◆ PROBLEM DESCRIPTION ◆
Identify all lines in the listing that include the word "FilletRadius", and copy them out.

◆ EXTRACTED MATERIAL ◆
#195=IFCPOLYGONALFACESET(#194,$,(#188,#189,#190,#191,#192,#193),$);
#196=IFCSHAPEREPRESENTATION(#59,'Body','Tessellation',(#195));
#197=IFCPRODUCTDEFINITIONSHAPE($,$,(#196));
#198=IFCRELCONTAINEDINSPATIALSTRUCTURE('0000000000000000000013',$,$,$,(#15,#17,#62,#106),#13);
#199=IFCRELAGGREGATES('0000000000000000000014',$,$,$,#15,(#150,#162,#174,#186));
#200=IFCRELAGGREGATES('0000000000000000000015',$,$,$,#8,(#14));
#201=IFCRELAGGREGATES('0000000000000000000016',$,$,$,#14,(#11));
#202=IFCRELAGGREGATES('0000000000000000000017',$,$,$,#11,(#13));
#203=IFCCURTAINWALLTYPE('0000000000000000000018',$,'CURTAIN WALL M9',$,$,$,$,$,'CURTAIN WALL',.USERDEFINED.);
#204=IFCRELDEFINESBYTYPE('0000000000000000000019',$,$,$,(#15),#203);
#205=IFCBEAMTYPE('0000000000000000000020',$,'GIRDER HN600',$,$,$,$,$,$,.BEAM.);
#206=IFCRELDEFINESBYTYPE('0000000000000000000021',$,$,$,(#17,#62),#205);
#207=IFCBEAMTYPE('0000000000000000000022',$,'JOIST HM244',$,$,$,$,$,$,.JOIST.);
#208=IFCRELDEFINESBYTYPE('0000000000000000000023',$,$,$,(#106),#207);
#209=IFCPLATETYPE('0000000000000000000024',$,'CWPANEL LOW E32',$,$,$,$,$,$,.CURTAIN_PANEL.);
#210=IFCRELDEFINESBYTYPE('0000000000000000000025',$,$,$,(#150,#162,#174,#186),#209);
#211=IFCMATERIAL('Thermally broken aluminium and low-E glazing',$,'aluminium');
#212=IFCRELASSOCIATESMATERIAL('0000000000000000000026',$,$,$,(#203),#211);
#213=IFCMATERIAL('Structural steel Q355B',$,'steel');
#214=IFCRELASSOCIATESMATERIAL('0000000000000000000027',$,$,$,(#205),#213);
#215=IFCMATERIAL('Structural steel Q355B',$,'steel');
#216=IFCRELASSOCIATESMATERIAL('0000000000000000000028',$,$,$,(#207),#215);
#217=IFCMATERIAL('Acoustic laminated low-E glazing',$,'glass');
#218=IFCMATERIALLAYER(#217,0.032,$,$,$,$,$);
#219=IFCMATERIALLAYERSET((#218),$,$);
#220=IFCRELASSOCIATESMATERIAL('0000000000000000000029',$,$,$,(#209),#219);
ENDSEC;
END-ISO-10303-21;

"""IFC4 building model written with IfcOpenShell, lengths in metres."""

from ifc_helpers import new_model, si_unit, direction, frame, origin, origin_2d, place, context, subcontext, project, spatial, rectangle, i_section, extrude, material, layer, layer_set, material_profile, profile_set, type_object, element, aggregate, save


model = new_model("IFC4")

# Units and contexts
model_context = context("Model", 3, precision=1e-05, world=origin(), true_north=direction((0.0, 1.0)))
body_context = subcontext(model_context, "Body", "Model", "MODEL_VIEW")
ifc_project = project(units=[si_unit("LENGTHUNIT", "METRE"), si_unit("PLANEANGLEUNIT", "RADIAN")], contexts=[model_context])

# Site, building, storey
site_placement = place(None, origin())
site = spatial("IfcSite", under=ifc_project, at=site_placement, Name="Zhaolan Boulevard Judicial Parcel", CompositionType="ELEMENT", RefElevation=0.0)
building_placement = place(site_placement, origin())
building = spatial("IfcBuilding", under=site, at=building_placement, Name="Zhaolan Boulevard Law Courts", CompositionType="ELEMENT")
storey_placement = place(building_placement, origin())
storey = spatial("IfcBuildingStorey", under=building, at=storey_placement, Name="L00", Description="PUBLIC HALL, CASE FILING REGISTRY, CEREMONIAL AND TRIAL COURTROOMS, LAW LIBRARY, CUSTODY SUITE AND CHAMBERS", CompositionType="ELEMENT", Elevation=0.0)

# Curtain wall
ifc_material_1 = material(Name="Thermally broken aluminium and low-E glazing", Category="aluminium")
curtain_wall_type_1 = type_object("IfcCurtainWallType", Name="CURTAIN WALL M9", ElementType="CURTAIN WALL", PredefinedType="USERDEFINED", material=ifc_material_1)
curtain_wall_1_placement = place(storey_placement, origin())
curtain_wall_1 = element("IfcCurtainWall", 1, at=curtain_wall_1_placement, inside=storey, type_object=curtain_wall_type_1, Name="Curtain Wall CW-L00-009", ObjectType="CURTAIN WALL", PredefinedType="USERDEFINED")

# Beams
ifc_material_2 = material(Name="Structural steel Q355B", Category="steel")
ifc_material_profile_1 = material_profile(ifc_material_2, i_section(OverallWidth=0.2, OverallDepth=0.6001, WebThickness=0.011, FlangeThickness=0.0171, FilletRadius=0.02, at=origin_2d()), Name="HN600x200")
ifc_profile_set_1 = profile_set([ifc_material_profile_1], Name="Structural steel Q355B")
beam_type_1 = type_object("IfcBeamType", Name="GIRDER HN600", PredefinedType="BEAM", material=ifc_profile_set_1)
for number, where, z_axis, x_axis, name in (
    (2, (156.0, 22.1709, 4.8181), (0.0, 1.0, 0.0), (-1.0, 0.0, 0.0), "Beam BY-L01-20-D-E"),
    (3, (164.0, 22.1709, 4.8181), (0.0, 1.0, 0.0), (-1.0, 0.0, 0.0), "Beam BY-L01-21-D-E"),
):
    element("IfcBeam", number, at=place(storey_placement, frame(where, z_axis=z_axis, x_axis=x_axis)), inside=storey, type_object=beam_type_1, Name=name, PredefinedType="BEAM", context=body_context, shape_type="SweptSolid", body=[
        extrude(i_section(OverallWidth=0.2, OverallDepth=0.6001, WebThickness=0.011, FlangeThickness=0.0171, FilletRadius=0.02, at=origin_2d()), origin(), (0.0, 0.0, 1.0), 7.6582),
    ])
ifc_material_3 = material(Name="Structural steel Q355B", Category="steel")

◆ RESULT OF THIS EXERCISE ◆
ifc_material_profile_1 = material_profile(ifc_material_2, i_section(OverallWidth=0.2, OverallDepth=0.6001, WebThickness=0.011, FlangeThickness=0.0171, FilletRadius=0.02, at=origin_2d()), Name="HN600x200")
        extrude(i_section(OverallWidth=0.2, OverallDepth=0.6001, WebThickness=0.011, FlangeThickness=0.0171, FilletRadius=0.02, at=origin_2d()), origin(), (0.0, 0.0, 1.0), 7.6582),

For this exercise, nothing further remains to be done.